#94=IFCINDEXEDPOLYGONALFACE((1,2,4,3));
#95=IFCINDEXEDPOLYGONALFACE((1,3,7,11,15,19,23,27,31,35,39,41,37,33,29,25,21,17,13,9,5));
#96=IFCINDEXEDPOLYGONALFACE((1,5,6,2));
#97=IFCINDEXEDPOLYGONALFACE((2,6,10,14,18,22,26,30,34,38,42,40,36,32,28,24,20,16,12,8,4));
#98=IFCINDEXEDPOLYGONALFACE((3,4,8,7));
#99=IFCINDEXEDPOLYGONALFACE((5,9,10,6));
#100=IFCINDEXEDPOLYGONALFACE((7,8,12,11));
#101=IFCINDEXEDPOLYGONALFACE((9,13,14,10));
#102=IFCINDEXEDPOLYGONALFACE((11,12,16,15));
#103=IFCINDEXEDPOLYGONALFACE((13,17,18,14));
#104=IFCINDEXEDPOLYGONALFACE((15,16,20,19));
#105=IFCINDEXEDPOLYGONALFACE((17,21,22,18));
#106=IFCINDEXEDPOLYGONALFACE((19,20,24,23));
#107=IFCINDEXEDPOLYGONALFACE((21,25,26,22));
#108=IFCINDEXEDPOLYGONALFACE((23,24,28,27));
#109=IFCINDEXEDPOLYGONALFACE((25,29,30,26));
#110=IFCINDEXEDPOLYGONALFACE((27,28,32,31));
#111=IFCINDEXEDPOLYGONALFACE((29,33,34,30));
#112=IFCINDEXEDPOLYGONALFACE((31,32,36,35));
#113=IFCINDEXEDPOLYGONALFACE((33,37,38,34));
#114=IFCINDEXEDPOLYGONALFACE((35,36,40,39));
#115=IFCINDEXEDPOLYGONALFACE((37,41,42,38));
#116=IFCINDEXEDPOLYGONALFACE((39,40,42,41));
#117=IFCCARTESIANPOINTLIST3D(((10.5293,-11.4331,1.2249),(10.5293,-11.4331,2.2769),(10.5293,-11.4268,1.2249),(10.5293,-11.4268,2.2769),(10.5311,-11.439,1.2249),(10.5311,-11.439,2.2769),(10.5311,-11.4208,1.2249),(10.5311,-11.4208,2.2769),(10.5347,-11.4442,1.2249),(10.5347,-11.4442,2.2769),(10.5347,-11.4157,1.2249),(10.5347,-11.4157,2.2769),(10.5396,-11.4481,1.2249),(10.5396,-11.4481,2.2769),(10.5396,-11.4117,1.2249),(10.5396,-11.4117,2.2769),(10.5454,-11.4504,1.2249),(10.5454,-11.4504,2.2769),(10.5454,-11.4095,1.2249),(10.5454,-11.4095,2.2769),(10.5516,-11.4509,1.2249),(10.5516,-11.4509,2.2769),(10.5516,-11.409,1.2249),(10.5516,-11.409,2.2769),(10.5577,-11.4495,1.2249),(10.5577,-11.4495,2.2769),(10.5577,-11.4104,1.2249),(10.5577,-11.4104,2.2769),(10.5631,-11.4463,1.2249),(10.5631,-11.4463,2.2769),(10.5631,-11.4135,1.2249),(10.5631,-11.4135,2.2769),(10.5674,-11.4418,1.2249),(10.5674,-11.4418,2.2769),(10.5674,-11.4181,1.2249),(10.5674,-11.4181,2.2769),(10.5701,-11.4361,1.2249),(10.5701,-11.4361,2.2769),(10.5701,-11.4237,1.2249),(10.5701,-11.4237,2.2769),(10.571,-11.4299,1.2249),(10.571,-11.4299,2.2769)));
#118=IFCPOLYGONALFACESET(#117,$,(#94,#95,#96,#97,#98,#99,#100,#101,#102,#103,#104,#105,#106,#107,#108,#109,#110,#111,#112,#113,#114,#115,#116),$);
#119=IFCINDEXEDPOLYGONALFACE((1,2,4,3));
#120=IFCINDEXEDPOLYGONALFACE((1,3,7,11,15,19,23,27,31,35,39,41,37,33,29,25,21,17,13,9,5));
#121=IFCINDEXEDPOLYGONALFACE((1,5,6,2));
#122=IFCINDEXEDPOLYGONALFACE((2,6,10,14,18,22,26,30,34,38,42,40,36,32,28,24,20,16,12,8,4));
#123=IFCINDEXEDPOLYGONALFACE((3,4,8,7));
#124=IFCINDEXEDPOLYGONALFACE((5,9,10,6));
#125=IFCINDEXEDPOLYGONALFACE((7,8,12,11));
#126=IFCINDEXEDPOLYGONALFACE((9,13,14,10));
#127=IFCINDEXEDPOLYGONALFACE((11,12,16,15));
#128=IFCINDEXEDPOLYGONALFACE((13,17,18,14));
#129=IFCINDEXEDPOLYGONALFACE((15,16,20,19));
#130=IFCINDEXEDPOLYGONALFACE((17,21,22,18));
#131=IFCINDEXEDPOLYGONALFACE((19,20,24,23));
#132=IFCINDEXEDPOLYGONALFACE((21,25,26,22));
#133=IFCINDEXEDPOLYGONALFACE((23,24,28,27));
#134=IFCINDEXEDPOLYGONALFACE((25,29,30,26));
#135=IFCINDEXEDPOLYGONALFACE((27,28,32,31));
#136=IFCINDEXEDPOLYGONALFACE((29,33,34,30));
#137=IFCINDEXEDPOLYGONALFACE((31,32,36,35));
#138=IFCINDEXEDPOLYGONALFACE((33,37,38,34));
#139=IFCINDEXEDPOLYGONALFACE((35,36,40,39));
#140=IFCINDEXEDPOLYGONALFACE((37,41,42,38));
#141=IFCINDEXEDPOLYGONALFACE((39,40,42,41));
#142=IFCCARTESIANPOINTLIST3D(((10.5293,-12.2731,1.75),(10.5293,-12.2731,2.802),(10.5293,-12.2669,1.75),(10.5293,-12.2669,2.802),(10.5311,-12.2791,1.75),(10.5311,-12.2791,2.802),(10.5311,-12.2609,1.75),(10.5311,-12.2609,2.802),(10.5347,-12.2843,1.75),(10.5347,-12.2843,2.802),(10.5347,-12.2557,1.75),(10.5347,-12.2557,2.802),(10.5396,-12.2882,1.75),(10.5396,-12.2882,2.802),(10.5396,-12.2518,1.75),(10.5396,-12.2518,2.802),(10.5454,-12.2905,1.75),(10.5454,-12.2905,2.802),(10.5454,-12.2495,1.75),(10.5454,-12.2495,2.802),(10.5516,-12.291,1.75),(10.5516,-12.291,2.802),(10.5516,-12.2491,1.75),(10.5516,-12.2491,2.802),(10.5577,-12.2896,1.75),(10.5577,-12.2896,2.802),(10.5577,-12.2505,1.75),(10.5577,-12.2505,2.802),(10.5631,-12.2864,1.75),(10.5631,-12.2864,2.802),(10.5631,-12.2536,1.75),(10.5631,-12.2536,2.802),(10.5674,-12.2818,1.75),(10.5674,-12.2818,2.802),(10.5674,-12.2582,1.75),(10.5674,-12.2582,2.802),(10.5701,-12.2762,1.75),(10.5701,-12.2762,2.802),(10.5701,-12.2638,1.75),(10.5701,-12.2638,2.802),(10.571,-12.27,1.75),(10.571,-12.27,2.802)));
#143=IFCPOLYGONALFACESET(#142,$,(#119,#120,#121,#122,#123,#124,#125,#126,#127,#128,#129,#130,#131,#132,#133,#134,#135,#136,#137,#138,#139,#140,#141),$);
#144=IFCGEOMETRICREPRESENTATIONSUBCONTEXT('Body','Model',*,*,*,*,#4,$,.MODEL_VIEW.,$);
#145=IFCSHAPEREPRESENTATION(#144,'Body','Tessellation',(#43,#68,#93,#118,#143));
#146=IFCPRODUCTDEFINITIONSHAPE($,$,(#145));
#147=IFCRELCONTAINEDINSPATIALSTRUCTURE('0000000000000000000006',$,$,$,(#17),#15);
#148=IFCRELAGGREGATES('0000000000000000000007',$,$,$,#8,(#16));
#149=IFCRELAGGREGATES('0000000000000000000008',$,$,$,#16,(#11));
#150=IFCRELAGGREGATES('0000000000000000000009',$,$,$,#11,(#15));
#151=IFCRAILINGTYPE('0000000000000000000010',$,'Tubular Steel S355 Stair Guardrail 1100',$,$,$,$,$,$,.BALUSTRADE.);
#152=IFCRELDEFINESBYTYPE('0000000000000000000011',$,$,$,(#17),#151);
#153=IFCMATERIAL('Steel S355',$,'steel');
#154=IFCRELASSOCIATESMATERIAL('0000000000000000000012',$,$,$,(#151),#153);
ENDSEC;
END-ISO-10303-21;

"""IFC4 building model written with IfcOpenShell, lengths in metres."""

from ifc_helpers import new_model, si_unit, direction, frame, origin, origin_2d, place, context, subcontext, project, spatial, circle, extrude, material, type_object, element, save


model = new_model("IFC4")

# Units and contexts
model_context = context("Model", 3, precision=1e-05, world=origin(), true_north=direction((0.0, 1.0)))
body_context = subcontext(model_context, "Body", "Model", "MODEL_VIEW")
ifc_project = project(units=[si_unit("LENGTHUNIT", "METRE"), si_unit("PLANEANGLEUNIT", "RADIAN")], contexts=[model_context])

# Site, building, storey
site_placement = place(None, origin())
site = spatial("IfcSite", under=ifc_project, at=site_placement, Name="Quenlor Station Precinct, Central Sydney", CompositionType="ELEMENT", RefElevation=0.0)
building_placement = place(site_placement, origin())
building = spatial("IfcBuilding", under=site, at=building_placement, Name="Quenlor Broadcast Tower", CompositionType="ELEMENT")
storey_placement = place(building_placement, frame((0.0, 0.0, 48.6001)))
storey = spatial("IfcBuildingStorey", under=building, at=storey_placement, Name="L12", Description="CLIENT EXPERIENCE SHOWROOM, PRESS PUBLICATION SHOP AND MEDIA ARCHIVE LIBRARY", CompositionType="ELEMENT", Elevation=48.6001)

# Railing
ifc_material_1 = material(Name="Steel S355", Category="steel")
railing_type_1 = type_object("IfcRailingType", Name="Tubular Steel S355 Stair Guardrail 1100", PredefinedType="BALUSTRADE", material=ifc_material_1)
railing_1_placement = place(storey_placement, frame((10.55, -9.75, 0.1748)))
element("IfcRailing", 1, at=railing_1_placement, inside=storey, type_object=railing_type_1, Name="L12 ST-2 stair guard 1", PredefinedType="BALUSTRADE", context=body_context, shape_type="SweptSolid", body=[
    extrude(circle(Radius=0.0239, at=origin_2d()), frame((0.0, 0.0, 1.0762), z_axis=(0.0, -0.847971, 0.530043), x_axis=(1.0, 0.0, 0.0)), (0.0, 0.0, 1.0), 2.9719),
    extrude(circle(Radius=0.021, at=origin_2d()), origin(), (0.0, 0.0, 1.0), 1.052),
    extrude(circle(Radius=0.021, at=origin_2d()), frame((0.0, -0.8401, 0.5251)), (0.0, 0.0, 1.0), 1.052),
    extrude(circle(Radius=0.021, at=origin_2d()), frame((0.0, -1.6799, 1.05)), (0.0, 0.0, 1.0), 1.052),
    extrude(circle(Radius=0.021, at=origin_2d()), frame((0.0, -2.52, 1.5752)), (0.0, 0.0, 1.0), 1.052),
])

--- --- ---

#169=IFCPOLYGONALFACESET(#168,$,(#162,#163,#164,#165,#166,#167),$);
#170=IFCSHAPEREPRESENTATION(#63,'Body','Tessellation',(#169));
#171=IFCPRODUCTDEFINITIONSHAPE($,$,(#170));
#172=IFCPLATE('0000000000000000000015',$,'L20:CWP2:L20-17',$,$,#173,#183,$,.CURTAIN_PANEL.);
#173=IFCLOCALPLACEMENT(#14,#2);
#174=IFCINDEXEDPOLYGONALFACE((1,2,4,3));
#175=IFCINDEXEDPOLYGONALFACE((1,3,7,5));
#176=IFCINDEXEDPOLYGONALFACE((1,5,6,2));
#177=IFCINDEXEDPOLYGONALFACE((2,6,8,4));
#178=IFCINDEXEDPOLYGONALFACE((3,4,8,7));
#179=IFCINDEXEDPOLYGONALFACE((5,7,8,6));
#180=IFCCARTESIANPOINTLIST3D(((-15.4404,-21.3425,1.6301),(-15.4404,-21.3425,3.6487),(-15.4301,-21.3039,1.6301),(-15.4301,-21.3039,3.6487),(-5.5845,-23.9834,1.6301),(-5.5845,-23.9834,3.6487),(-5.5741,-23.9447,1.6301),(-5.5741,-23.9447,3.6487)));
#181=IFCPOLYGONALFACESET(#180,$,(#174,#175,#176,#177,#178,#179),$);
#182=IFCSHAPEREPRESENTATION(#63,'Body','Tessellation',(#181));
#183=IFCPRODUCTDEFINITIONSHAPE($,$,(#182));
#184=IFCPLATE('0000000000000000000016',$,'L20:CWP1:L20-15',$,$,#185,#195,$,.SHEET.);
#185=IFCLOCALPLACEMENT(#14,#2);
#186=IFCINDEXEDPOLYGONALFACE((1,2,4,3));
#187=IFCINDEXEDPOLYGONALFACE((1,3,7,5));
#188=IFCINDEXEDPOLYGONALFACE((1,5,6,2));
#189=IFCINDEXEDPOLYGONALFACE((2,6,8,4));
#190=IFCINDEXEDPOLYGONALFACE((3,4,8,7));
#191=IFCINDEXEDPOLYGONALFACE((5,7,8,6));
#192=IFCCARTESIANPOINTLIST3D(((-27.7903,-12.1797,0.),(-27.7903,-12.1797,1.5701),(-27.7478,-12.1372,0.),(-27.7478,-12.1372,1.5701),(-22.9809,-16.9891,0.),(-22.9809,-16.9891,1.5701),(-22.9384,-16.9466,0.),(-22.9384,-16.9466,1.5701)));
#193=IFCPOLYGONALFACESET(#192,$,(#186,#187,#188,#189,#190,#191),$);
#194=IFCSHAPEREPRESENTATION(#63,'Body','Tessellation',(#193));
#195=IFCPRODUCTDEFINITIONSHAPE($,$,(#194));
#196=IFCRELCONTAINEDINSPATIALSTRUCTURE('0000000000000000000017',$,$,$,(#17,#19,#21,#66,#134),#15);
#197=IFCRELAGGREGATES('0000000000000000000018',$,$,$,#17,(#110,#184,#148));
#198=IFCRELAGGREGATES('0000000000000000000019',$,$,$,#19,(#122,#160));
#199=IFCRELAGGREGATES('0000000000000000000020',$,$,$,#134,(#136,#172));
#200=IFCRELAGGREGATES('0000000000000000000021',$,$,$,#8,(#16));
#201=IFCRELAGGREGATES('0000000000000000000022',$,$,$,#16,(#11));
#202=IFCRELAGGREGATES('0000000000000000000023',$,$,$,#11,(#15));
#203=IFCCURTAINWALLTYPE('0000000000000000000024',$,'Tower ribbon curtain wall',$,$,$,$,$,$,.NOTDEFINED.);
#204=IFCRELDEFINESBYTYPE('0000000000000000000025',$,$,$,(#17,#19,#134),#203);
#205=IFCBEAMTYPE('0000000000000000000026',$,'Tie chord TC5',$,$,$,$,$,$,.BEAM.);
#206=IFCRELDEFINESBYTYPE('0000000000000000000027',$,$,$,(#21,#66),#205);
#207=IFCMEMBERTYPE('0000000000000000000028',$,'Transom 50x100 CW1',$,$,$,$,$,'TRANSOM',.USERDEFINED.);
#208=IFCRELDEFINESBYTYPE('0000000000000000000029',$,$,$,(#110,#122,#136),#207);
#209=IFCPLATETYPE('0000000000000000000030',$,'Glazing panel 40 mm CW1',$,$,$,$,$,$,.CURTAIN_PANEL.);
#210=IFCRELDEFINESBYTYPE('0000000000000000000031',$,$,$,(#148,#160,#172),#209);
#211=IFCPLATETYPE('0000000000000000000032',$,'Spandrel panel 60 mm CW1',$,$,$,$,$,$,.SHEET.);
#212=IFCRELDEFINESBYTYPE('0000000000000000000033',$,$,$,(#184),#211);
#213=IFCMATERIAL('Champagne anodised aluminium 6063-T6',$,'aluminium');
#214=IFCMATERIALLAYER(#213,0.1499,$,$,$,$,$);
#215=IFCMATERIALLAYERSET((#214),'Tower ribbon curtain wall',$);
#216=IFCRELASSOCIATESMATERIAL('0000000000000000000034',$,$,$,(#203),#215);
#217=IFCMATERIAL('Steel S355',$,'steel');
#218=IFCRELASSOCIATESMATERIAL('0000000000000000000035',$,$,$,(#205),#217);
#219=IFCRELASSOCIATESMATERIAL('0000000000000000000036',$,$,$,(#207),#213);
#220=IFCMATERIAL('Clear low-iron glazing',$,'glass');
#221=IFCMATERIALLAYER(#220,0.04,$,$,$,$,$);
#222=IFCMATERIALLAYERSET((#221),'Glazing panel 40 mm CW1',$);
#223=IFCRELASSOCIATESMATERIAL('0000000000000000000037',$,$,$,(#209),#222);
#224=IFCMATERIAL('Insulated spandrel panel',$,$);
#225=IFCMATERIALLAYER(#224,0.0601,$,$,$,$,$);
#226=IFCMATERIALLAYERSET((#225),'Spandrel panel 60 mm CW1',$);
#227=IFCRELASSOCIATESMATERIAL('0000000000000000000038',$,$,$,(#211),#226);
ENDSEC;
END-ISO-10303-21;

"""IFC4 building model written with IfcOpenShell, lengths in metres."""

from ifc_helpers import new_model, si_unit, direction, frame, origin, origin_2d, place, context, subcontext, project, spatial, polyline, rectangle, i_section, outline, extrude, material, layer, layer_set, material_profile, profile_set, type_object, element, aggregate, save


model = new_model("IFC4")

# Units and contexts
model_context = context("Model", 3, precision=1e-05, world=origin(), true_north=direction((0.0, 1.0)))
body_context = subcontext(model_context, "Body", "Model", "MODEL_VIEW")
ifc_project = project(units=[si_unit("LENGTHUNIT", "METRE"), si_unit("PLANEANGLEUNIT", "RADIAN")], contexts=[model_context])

--- --- ---

*YOUR GOAL*: For each line in the entries that holds "IFCRELASSOCIATESMATERIAL", return that line.

*REPLY TO THE TASK*:
#154=IFCRELASSOCIATESMATERIAL('0000000000000000000012',$,$,$,(#151),#153);
#216=IFCRELASSOCIATESMATERIAL('0000000000000000000034',$,$,$,(#203),#215);
#218=IFCRELASSOCIATESMATERIAL('0000000000000000000035',$,$,$,(#205),#217);
#219=IFCRELASSOCIATESMATERIAL('0000000000000000000036',$,$,$,(#207),#213);
#223=IFCRELASSOCIATESMATERIAL('0000000000000000000037',$,$,$,(#209),#222);
#227=IFCRELASSOCIATESMATERIAL('0000000000000000000038',$,$,$,(#211),#226);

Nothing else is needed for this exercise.